**Requirement**
Below are lines of data; restate word for word those running from the line containing "#13=IFCAXIS2PLACEMENT3D(#12,$,$);" to the line containing "#41=IFCPRODUCTDEFINITIONSHAPE($,$,(#40));", inclusive, and no others.

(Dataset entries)
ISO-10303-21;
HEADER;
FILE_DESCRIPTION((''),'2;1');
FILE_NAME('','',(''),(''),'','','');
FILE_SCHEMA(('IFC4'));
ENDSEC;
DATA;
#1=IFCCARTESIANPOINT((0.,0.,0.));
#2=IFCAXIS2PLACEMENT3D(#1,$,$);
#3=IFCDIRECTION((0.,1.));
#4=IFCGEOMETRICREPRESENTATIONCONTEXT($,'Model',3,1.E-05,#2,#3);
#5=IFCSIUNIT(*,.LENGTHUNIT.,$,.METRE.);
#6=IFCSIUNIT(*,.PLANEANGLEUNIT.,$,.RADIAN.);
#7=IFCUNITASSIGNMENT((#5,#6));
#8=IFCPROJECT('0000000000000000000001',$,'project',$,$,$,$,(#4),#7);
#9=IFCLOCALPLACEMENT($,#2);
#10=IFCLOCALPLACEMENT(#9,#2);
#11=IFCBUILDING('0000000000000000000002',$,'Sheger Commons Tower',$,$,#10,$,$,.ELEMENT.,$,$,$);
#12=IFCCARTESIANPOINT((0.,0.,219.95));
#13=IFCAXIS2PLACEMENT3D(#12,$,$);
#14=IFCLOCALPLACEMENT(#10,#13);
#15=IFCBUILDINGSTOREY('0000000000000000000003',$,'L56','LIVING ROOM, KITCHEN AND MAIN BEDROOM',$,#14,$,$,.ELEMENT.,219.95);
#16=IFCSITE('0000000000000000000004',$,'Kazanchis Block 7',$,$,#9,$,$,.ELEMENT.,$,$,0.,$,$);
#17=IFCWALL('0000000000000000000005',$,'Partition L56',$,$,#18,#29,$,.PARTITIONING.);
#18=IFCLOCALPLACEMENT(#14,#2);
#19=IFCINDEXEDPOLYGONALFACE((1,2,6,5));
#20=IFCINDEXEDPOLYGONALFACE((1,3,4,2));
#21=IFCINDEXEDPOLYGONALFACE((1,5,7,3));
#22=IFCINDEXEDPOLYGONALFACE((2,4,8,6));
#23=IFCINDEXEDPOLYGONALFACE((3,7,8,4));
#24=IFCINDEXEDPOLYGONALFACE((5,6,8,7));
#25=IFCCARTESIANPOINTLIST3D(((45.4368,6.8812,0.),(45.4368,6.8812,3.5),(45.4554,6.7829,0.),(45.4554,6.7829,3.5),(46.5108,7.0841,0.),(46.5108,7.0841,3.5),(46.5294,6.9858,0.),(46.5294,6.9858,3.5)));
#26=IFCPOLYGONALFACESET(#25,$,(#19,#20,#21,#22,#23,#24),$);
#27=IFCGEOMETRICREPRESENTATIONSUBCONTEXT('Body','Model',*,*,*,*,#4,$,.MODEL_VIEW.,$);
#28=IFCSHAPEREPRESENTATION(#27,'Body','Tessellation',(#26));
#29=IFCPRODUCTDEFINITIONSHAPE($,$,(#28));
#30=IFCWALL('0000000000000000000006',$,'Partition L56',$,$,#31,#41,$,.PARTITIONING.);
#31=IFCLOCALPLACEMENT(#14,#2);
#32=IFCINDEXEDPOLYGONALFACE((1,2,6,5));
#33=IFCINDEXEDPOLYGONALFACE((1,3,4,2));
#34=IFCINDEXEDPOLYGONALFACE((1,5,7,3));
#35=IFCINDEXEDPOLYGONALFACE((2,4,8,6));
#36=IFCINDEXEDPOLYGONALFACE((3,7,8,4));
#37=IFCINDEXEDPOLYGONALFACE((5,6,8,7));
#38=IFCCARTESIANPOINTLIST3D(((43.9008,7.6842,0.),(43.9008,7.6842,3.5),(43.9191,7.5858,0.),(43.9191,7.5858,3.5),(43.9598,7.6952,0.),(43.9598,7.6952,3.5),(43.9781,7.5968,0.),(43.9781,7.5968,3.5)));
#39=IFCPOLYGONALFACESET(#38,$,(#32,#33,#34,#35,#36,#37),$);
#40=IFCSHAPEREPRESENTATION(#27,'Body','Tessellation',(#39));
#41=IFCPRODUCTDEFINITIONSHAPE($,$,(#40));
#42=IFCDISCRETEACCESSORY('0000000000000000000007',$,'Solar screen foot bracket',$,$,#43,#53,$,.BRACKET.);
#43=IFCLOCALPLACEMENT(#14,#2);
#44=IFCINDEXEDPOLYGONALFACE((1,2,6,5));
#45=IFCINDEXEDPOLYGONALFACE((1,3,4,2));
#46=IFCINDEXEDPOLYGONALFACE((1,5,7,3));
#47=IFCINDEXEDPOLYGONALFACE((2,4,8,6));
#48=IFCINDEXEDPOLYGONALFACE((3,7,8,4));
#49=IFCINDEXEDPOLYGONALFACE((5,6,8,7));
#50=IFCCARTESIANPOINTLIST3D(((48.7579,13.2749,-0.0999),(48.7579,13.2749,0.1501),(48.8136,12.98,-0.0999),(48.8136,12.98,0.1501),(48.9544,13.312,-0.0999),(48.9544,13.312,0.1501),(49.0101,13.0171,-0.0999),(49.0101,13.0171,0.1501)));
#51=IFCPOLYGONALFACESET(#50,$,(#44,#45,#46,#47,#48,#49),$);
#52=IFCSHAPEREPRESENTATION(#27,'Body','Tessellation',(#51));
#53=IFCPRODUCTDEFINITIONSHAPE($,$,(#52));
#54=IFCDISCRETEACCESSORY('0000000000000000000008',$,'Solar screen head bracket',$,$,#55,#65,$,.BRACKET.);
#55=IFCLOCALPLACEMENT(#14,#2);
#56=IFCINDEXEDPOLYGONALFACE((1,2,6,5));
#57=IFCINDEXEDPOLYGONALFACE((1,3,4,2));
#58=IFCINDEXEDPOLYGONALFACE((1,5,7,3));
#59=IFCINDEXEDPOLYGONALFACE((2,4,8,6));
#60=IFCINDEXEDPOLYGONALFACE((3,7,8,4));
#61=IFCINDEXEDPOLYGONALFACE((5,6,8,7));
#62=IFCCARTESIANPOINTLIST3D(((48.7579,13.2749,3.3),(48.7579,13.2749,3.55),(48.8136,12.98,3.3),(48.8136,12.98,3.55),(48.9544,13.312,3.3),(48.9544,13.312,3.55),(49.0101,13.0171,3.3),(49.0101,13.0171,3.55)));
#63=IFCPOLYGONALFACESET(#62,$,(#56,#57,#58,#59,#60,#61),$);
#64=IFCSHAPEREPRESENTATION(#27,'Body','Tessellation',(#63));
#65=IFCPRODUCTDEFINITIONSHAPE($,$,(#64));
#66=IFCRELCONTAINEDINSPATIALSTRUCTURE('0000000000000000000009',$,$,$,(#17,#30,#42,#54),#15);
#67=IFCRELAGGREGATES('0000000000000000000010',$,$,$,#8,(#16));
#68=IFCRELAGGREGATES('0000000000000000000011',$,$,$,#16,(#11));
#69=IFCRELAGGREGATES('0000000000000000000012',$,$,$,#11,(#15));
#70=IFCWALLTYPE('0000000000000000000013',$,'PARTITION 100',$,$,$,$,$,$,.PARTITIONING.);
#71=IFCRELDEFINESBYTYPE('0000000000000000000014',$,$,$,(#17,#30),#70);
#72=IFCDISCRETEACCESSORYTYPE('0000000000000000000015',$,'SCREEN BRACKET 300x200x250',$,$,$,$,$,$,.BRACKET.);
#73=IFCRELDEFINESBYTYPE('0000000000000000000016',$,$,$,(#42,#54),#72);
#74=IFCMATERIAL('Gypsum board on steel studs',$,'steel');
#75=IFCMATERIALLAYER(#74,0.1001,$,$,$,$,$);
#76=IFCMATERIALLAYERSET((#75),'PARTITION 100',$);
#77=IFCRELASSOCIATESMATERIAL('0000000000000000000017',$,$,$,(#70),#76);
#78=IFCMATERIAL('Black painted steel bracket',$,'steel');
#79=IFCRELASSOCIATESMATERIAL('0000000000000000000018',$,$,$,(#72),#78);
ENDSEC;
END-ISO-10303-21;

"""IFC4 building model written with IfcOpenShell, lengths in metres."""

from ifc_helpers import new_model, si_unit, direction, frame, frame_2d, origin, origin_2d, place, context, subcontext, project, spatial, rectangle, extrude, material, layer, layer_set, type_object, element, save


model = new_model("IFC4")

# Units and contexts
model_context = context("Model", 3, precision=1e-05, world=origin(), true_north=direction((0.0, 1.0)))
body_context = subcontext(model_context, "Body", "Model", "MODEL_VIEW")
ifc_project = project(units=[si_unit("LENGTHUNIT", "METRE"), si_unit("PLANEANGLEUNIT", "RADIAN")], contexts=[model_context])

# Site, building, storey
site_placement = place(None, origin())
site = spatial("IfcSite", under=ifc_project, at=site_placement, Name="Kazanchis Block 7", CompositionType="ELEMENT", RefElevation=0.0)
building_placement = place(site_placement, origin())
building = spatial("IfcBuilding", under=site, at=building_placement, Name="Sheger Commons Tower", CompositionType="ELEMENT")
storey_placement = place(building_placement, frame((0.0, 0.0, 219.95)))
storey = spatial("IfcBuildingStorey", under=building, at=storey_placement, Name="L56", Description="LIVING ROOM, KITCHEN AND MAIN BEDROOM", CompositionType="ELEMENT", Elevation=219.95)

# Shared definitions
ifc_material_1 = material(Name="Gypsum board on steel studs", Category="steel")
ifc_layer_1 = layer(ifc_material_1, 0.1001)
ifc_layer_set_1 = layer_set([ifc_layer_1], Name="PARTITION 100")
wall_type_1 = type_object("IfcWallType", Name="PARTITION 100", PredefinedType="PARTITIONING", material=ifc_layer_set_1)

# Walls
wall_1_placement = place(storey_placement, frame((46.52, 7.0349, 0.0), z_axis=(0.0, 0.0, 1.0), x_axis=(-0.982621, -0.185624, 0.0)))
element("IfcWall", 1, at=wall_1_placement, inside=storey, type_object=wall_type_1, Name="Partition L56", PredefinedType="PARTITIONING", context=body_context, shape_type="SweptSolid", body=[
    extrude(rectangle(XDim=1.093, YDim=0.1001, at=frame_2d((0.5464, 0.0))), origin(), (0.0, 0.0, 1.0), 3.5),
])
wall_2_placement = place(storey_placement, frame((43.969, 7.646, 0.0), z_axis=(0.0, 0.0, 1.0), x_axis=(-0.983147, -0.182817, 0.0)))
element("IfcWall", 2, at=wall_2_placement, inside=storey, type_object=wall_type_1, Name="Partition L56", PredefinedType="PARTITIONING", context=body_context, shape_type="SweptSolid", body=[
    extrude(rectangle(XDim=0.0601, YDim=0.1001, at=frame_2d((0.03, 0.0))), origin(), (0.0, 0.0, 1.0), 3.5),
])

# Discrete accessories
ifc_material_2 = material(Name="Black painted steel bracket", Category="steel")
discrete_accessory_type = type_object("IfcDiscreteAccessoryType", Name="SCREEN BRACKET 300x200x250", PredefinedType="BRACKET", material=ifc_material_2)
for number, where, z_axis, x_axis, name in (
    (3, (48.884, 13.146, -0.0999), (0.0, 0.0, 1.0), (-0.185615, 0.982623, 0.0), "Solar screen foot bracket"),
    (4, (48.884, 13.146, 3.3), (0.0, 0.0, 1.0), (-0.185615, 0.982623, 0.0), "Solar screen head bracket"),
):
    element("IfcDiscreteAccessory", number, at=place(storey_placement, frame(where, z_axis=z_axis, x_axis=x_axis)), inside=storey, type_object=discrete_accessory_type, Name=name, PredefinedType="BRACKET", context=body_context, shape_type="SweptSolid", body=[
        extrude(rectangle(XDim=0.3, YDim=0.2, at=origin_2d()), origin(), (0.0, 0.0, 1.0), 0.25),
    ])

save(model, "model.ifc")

**Exercise solution**
#13=IFCAXIS2PLACEMENT3D(#12,$,$);
#14=IFCLOCALPLACEMENT(#10,#13);
#15=IFCBUILDINGSTOREY('0000000000000000000003',$,'L56','LIVING ROOM, KITCHEN AND MAIN BEDROOM',$,#14,$,$,.ELEMENT.,219.95);
#16=IFCSITE('0000000000000000000004',$,'Kazanchis Block 7',$,$,#9,$,$,.ELEMENT.,$,$,0.,$,$);
#17=IFCWALL('0000000000000000000005',$,'Partition L56',$,$,#18,#29,$,.PARTITIONING.);
#18=IFCLOCALPLACEMENT(#14,#2);
#19=IFCINDEXEDPOLYGONALFACE((1,2,6,5));
#20=IFCINDEXEDPOLYGONALFACE((1,3,4,2));
#21=IFCINDEXEDPOLYGONALFACE((1,5,7,3));
#22=IFCINDEXEDPOLYGONALFACE((2,4,8,6));
#23=IFCINDEXEDPOLYGONALFACE((3,7,8,4));
#24=IFCINDEXEDPOLYGONALFACE((5,6,8,7));
#25=IFCCARTESIANPOINTLIST3D(((45.4368,6.8812,0.),(45.4368,6.8812,3.5),(45.4554,6.7829,0.),(45.4554,6.7829,3.5),(46.5108,7.0841,0.),(46.5108,7.0841,3.5),(46.5294,6.9858,0.),(46.5294,6.9858,3.5)));
#26=IFCPOLYGONALFACESET(#25,$,(#19,#20,#21,#22,#23,#24),$);
#27=IFCGEOMETRICREPRESENTATIONSUBCONTEXT('Body','Model',*,*,*,*,#4,$,.MODEL_VIEW.,$);
#28=IFCSHAPEREPRESENTATION(#27,'Body','Tessellation',(#26));
#29=IFCPRODUCTDEFINITIONSHAPE($,$,(#28));
#30=IFCWALL('0000000000000000000006',$,'Partition L56',$,$,#31,#41,$,.PARTITIONING.);
#31=IFCLOCALPLACEMENT(#14,#2);
#32=IFCINDEXEDPOLYGONALFACE((1,2,6,5));
#33=IFCINDEXEDPOLYGONALFACE((1,3,4,2));
#34=IFCINDEXEDPOLYGONALFACE((1,5,7,3));
#35=IFCINDEXEDPOLYGONALFACE((2,4,8,6));
#36=IFCINDEXEDPOLYGONALFACE((3,7,8,4));
#37=IFCINDEXEDPOLYGONALFACE((5,6,8,7));
#38=IFCCARTESIANPOINTLIST3D(((43.9008,7.6842,0.),(43.9008,7.6842,3.5),(43.9191,7.5858,0.),(43.9191,7.5858,3.5),(43.9598,7.6952,0.),(43.9598,7.6952,3.5),(43.9781,7.5968,0.),(43.9781,7.5968,3.5)));
#39=IFCPOLYGONALFACESET(#38,$,(#32,#33,#34,#35,#36,#37),$);
#40=IFCSHAPEREPRESENTATION(#27,'Body','Tessellation',(#39));
#41=IFCPRODUCTDEFINITIONSHAPE($,$,(#40));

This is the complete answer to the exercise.